» **Work instructions**: I need the lines below from the one with "#154=IFCINDEXEDPOLYGONALFACE((1,5,6,2));" down to the one with "#166=IFCINDEXEDPOLYGONALFACE((1,5,6,2));" reproduced exactly, both ends included, and nothing else.

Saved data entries
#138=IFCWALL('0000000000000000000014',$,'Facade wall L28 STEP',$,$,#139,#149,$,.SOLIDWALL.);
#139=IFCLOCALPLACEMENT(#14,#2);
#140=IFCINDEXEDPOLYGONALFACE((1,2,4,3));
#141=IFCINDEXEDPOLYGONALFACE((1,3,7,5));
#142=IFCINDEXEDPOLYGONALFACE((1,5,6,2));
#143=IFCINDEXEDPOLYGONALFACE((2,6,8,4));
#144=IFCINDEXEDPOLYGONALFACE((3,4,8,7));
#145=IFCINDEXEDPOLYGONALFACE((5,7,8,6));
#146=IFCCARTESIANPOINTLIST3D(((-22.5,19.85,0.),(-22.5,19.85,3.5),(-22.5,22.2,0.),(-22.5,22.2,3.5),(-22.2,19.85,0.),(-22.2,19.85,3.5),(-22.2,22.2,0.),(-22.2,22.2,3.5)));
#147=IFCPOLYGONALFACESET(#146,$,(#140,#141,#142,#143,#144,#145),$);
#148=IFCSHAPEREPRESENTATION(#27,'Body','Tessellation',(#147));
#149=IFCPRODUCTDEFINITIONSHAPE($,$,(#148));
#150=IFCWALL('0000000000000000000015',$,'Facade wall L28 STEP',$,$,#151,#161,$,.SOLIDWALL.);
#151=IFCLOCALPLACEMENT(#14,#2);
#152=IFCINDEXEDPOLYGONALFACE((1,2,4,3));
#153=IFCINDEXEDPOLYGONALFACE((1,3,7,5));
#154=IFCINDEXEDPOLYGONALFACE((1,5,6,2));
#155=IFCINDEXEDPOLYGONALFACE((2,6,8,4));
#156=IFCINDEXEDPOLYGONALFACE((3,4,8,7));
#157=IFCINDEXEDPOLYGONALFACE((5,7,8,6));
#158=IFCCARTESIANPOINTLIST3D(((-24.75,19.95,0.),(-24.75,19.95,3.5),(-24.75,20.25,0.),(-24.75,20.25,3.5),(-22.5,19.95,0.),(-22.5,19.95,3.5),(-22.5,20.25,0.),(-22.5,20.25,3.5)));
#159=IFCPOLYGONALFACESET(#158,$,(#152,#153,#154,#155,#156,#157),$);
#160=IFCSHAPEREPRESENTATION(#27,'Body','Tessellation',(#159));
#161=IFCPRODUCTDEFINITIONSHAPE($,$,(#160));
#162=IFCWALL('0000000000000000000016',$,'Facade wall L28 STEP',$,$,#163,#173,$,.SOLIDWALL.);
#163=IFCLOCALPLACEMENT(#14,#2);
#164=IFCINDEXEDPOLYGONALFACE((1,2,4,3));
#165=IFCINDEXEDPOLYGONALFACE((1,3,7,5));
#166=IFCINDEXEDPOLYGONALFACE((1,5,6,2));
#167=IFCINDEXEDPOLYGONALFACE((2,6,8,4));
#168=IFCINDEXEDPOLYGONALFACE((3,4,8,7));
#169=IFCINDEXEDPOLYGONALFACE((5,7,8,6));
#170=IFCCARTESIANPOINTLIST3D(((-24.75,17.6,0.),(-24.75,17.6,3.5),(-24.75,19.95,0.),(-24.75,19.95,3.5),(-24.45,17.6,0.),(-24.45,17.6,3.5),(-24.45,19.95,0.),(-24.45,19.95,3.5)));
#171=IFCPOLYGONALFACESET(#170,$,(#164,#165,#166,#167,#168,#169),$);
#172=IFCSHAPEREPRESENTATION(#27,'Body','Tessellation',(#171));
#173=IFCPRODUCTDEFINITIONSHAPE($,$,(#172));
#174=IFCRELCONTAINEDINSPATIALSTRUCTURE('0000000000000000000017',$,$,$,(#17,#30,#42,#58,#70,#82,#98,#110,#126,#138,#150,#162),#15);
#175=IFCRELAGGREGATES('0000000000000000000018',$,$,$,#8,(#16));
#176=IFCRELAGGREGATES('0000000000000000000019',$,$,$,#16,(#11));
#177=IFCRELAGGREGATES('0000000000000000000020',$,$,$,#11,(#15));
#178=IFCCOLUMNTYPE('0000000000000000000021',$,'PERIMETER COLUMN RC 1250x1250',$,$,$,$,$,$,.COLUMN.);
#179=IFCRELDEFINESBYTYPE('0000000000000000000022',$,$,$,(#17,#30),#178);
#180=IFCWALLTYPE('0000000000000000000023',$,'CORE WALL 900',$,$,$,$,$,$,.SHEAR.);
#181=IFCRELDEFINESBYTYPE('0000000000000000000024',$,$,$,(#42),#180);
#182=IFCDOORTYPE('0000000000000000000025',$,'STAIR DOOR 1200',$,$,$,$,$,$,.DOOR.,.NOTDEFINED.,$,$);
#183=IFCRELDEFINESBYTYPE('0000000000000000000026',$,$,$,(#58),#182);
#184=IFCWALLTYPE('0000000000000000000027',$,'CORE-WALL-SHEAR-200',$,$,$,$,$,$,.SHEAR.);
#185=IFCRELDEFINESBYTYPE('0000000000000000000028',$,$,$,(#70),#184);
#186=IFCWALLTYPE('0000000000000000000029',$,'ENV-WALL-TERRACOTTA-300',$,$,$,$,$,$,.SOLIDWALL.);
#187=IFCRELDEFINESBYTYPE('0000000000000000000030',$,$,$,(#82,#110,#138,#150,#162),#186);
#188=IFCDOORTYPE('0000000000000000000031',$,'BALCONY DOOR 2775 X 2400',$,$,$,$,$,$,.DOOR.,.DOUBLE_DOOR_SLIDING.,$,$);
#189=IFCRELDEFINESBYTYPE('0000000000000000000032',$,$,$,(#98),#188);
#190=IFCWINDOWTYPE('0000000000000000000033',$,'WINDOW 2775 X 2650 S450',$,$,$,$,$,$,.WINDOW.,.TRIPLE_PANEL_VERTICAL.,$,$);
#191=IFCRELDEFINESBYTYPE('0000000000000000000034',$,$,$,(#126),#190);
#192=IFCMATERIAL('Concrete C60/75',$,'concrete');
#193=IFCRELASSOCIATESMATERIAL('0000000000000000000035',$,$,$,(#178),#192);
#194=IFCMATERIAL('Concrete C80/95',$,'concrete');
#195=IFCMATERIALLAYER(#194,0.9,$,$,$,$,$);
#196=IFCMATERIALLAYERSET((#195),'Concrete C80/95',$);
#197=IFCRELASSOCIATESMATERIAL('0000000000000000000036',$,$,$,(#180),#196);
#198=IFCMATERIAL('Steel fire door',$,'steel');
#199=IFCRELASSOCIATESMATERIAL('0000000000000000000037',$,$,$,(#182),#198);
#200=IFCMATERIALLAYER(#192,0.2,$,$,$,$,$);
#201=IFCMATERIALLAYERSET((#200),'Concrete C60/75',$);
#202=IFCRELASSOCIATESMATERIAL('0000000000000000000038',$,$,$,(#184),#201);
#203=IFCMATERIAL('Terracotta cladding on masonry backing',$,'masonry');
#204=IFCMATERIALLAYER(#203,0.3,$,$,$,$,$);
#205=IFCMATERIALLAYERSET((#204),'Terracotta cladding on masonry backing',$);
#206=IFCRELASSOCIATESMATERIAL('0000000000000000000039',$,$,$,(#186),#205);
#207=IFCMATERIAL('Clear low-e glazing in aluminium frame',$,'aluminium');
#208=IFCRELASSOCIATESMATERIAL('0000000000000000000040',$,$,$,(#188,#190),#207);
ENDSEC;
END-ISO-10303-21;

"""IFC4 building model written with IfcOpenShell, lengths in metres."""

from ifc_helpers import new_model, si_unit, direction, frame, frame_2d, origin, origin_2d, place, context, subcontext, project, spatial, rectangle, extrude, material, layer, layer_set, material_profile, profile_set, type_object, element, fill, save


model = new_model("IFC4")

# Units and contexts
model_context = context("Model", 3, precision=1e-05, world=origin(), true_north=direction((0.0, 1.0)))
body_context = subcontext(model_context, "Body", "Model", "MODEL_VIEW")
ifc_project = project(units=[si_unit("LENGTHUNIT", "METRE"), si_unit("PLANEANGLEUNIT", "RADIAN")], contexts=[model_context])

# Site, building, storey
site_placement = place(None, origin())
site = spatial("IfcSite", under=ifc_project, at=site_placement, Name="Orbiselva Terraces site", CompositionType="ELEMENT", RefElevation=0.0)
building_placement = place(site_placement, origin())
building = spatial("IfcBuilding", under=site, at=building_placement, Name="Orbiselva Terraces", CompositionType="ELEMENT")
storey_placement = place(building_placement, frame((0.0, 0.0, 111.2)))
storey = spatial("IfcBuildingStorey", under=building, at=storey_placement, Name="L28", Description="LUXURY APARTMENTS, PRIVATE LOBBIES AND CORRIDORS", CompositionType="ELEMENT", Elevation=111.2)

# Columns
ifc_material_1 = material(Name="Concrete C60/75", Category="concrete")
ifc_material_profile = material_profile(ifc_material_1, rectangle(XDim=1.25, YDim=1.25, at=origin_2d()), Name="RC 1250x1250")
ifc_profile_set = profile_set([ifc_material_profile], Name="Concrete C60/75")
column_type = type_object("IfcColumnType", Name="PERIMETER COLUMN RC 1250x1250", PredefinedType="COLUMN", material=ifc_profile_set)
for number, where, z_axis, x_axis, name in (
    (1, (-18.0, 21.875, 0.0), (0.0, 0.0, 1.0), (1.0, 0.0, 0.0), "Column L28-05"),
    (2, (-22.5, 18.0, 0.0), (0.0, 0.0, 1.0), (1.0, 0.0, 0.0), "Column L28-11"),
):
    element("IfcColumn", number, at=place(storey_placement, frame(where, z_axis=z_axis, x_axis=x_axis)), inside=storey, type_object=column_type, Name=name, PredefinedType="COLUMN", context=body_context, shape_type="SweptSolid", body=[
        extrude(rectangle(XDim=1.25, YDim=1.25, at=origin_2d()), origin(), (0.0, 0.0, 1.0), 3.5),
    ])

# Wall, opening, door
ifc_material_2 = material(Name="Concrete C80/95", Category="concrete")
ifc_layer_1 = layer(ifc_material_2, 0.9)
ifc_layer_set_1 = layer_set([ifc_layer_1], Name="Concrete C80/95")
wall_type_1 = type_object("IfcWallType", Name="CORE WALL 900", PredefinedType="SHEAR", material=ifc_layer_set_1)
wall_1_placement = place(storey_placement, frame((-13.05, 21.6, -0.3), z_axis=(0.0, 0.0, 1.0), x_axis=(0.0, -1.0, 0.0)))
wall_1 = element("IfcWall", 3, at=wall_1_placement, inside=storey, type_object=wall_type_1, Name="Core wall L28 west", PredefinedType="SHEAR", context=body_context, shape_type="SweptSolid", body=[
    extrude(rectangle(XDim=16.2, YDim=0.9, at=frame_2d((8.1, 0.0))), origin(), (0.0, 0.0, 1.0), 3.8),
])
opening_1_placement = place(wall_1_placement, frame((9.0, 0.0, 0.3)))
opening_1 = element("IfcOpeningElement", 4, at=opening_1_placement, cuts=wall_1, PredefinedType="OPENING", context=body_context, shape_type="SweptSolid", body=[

» **Reply to the exercise**:
#154=IFCINDEXEDPOLYGONALFACE((1,5,6,2));
#155=IFCINDEXEDPOLYGONALFACE((2,6,8,4));
#156=IFCINDEXEDPOLYGONALFACE((3,4,8,7));
#157=IFCINDEXEDPOLYGONALFACE((5,7,8,6));
#158=IFCCARTESIANPOINTLIST3D(((-24.75,19.95,0.),(-24.75,19.95,3.5),(-24.75,20.25,0.),(-24.75,20.25,3.5),(-22.5,19.95,0.),(-22.5,19.95,3.5),(-22.5,20.25,0.),(-22.5,20.25,3.5)));
#159=IFCPOLYGONALFACESET(#158,$,(#152,#153,#154,#155,#156,#157),$);
#160=IFCSHAPEREPRESENTATION(#27,'Body','Tessellation',(#159));
#161=IFCPRODUCTDEFINITIONSHAPE($,$,(#160));
#162=IFCWALL('0000000000000000000016',$,'Facade wall L28 STEP',$,$,#163,#173,$,.SOLIDWALL.);
#163=IFCLOCALPLACEMENT(#14,#2);
#164=IFCINDEXEDPOLYGONALFACE((1,2,4,3));
#165=IFCINDEXEDPOLYGONALFACE((1,3,7,5));
#166=IFCINDEXEDPOLYGONALFACE((1,5,6,2));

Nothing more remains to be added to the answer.